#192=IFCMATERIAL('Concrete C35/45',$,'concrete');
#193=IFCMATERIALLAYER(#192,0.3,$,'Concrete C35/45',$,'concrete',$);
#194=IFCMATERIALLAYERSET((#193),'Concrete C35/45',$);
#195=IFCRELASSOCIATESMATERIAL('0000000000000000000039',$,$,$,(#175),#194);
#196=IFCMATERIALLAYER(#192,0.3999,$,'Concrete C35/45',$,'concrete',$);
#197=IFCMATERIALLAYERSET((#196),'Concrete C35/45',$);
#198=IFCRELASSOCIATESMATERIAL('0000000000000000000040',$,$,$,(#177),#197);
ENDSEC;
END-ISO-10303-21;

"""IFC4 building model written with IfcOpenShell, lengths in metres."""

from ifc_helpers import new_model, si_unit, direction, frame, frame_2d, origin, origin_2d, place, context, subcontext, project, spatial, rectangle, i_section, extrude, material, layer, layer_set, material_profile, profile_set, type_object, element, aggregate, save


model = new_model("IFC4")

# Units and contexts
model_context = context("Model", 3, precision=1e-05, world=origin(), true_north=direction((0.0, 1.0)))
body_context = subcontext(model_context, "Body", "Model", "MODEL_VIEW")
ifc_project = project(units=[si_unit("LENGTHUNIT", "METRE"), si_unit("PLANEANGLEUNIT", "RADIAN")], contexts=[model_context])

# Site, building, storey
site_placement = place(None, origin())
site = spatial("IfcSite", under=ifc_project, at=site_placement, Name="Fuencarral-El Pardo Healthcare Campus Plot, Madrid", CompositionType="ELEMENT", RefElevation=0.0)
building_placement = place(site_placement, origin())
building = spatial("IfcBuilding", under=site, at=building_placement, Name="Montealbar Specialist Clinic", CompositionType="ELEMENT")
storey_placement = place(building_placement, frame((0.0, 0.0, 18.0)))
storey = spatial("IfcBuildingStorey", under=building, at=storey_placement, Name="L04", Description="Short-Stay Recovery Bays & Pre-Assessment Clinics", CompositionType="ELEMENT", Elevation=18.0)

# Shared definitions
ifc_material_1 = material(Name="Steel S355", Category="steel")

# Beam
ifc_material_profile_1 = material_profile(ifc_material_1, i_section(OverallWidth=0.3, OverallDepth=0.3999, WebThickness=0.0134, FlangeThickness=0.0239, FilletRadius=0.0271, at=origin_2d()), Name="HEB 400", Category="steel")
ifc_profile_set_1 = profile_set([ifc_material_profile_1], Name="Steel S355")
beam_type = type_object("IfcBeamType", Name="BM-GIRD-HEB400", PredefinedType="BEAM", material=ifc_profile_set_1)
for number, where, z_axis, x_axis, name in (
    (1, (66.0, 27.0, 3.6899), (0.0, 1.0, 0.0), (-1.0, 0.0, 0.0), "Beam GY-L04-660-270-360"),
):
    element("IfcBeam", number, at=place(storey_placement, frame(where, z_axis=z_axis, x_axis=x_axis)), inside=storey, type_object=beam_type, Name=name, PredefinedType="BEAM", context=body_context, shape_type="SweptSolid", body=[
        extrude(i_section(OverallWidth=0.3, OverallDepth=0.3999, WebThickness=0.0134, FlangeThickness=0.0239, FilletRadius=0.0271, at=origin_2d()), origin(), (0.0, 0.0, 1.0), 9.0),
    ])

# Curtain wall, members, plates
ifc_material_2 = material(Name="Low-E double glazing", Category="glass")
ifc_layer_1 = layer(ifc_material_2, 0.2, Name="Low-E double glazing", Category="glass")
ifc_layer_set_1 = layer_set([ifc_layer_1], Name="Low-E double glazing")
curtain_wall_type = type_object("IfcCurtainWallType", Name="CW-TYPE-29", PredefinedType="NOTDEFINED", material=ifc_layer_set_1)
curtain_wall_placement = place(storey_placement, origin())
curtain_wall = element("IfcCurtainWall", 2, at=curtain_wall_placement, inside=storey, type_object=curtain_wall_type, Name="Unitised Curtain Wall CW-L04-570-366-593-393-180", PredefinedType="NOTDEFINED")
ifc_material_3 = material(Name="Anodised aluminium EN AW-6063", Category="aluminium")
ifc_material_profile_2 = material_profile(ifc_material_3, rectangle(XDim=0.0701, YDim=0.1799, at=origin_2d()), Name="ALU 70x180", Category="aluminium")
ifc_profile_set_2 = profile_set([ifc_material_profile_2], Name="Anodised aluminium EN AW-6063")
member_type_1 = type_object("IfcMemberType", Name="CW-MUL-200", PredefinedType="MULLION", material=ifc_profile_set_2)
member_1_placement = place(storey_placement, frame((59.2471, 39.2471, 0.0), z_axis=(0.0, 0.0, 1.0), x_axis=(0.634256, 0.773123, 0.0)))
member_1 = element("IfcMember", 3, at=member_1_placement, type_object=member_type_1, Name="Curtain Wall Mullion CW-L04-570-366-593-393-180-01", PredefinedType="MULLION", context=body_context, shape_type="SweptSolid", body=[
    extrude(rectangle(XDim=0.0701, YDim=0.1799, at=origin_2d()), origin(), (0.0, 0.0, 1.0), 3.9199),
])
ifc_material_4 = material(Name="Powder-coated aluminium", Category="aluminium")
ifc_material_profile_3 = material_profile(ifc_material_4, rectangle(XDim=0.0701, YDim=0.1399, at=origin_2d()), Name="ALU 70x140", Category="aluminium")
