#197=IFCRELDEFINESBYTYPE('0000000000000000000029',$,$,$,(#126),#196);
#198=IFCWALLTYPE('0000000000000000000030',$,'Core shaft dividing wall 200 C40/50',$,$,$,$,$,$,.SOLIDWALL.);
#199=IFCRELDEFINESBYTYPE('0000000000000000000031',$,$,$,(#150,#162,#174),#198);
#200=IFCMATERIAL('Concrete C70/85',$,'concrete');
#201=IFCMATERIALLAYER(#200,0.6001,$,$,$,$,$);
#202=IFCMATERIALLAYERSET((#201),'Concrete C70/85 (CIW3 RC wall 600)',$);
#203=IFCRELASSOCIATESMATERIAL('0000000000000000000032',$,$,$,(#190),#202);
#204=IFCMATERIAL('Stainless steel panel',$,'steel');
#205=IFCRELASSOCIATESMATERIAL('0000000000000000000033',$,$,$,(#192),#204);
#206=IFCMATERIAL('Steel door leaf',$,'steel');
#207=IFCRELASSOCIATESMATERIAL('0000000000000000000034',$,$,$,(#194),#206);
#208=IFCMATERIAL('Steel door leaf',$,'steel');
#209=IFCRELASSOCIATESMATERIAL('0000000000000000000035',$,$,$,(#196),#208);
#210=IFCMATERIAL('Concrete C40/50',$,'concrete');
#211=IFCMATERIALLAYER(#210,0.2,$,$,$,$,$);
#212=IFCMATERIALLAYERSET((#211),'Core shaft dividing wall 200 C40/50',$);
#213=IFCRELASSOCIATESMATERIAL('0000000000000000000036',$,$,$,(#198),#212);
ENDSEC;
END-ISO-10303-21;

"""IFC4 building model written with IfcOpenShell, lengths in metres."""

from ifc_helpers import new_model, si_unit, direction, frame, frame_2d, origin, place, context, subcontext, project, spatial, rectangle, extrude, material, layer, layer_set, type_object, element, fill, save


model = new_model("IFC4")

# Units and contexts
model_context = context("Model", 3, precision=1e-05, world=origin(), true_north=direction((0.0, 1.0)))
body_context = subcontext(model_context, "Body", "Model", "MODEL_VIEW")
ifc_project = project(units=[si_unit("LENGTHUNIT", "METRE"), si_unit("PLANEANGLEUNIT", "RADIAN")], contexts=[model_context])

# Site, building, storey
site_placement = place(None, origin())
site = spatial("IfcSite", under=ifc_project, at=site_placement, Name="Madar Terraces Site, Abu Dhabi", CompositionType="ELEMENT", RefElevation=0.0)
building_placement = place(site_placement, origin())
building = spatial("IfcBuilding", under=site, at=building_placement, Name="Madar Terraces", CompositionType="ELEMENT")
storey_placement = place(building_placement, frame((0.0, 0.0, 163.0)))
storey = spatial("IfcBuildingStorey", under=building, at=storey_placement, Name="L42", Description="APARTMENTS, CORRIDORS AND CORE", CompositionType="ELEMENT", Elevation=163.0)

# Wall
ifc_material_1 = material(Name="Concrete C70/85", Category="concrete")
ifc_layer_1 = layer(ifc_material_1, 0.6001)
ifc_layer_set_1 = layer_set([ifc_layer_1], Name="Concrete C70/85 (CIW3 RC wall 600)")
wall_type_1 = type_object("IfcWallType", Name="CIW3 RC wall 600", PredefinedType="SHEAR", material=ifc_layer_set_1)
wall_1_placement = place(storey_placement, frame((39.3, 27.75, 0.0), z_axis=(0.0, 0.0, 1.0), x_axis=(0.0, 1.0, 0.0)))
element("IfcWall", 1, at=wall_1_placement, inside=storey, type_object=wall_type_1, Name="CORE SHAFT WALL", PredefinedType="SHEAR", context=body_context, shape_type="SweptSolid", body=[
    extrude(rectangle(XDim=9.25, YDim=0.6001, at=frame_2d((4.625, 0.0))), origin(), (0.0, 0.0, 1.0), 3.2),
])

==*==

Your task = Among the lines above, find those with the word "direction". Copy them.

Solved problem =
from ifc_helpers import new_model, si_unit, direction, frame, frame_2d, origin, origin_2d, place, context, subcontext, project, spatial, rectangle, i_section, extrude, material, layer, layer_set, material_profile, profile_set, type_object, element, aggregate, save
model_context = context("Model", 3, precision=1e-05, world=origin(), true_north=direction((0.0, 1.0)))
from ifc_helpers import new_model, si_unit, direction, frame, frame_2d, origin, place, context, subcontext, project, spatial, rectangle, extrude, material, layer, layer_set, type_object, element, fill, save
model_context = context("Model", 3, precision=1e-05, world=origin(), true_north=direction((0.0, 1.0)))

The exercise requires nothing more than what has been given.